--- START ---
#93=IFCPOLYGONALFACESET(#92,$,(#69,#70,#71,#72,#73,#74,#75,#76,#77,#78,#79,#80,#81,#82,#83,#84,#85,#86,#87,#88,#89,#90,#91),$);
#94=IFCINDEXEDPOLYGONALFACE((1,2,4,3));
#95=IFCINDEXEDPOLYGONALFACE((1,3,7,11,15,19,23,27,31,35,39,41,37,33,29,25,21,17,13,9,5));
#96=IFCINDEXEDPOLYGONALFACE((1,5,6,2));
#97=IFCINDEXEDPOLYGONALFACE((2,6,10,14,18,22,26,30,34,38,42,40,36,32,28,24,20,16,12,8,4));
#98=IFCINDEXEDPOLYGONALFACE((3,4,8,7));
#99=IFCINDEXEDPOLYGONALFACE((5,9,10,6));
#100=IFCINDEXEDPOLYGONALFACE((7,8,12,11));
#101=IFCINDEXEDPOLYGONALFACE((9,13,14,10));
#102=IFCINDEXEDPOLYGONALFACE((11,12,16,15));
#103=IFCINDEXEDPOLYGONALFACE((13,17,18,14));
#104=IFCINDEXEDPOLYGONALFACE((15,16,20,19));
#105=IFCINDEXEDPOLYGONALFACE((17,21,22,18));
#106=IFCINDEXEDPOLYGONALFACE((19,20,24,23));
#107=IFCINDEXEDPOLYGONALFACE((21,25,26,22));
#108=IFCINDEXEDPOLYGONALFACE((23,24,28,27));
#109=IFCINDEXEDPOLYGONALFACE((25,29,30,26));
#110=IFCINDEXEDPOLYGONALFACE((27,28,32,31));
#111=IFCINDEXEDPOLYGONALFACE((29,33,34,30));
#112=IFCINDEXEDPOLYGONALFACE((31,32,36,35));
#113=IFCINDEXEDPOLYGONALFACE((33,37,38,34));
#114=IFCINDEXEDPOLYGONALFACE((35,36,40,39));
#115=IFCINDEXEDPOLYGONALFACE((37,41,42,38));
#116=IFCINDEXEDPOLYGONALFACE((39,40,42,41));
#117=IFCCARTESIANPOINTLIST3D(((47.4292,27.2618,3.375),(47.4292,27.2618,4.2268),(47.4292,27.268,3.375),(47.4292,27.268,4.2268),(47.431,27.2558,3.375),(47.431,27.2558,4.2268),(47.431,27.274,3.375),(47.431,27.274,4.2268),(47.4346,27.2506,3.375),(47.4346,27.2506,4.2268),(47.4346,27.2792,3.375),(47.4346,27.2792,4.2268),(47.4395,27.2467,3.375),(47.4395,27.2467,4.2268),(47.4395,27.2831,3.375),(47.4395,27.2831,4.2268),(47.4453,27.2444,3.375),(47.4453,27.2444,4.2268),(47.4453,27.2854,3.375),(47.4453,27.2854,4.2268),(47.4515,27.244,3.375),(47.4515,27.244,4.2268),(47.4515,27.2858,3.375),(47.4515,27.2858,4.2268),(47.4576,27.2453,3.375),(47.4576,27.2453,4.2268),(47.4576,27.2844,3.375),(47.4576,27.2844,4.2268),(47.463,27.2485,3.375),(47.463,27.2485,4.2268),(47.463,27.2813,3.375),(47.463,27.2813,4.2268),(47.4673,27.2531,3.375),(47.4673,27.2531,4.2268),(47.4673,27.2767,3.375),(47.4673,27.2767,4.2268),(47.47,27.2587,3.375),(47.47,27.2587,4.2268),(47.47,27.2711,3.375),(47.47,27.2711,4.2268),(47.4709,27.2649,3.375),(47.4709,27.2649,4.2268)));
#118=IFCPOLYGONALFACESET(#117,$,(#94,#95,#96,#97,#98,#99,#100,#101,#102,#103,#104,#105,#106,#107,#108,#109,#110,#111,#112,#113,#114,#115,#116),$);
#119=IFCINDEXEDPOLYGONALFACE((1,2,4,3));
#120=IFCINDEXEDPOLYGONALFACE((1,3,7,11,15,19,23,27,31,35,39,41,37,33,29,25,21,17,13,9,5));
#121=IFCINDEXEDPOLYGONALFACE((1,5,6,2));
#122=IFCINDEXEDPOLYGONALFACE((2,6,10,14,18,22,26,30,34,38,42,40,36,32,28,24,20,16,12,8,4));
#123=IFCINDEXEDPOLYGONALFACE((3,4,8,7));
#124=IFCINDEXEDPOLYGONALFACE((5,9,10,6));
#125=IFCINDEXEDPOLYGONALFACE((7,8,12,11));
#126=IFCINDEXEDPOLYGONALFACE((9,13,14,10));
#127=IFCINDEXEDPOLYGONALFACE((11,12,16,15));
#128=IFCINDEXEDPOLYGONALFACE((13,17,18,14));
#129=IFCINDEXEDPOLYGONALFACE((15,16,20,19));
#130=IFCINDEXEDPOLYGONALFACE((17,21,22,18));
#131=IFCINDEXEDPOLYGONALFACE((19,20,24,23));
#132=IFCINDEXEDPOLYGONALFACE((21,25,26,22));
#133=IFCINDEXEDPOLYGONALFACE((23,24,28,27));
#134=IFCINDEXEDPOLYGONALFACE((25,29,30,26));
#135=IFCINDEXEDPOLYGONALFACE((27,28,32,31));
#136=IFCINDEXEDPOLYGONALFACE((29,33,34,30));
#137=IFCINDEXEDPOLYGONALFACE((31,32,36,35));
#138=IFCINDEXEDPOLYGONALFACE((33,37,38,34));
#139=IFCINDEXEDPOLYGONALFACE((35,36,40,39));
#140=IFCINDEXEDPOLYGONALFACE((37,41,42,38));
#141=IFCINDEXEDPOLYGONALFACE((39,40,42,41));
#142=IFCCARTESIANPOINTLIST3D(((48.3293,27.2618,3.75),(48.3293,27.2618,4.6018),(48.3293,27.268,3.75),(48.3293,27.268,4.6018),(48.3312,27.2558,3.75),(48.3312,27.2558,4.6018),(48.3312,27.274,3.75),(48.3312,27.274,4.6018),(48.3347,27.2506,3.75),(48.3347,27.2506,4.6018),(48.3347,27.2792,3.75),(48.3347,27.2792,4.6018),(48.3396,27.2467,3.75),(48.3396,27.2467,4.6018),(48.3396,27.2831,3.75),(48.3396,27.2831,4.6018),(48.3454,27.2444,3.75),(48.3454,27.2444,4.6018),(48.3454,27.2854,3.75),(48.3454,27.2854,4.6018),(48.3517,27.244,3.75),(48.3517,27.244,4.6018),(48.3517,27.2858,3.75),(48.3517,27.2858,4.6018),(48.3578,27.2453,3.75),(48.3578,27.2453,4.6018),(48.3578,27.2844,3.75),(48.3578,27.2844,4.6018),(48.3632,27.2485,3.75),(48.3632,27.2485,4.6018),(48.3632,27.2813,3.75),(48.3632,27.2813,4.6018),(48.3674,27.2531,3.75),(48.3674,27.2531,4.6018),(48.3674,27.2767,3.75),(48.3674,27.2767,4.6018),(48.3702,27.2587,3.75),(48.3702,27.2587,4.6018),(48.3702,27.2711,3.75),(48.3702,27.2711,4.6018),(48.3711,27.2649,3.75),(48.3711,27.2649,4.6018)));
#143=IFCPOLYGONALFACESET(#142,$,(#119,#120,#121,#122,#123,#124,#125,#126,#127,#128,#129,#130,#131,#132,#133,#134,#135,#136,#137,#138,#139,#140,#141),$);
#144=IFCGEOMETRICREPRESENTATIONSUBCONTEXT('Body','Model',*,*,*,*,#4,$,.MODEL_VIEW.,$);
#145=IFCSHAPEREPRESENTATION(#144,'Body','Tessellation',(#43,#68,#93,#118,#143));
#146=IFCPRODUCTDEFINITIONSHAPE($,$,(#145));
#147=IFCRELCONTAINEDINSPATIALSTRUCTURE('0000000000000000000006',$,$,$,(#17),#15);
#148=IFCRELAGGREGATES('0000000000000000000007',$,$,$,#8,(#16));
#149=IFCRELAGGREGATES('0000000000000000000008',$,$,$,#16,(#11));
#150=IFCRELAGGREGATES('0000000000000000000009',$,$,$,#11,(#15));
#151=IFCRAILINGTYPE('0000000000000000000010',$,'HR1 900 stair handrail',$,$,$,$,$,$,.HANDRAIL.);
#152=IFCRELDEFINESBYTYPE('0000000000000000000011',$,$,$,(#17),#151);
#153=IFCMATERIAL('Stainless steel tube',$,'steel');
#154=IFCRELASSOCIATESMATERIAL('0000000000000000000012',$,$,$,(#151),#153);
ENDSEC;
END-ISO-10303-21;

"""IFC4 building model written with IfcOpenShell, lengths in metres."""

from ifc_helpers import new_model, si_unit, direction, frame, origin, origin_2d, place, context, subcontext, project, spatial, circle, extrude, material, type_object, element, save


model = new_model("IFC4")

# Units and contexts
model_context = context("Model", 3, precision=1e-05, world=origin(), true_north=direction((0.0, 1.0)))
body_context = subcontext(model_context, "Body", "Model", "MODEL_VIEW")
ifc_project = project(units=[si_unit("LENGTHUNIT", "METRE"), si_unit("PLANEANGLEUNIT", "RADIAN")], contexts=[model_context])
--- END ---
What needs to be done –
Among the records above, extract exactly the lines from the line with "#102=IFCINDEXEDPOLYGONALFACE((11,12,16,15));" to the line with "#116=IFCINDEXEDPOLYGONALFACE((39,40,42,41));", both lines included, and leave out the rest.

Solution to this exercise –
#102=IFCINDEXEDPOLYGONALFACE((11,12,16,15));
#103=IFCINDEXEDPOLYGONALFACE((13,17,18,14));
#104=IFCINDEXEDPOLYGONALFACE((15,16,20,19));
#105=IFCINDEXEDPOLYGONALFACE((17,21,22,18));
#106=IFCINDEXEDPOLYGONALFACE((19,20,24,23));
#107=IFCINDEXEDPOLYGONALFACE((21,25,26,22));
#108=IFCINDEXEDPOLYGONALFACE((23,24,28,27));
#109=IFCINDEXEDPOLYGONALFACE((25,29,30,26));
#110=IFCINDEXEDPOLYGONALFACE((27,28,32,31));
#111=IFCINDEXEDPOLYGONALFACE((29,33,34,30));
#112=IFCINDEXEDPOLYGONALFACE((31,32,36,35));
#113=IFCINDEXEDPOLYGONALFACE((33,37,38,34));
#114=IFCINDEXEDPOLYGONALFACE((35,36,40,39));
#115=IFCINDEXEDPOLYGONALFACE((37,41,42,38));
#116=IFCINDEXEDPOLYGONALFACE((39,40,42,41));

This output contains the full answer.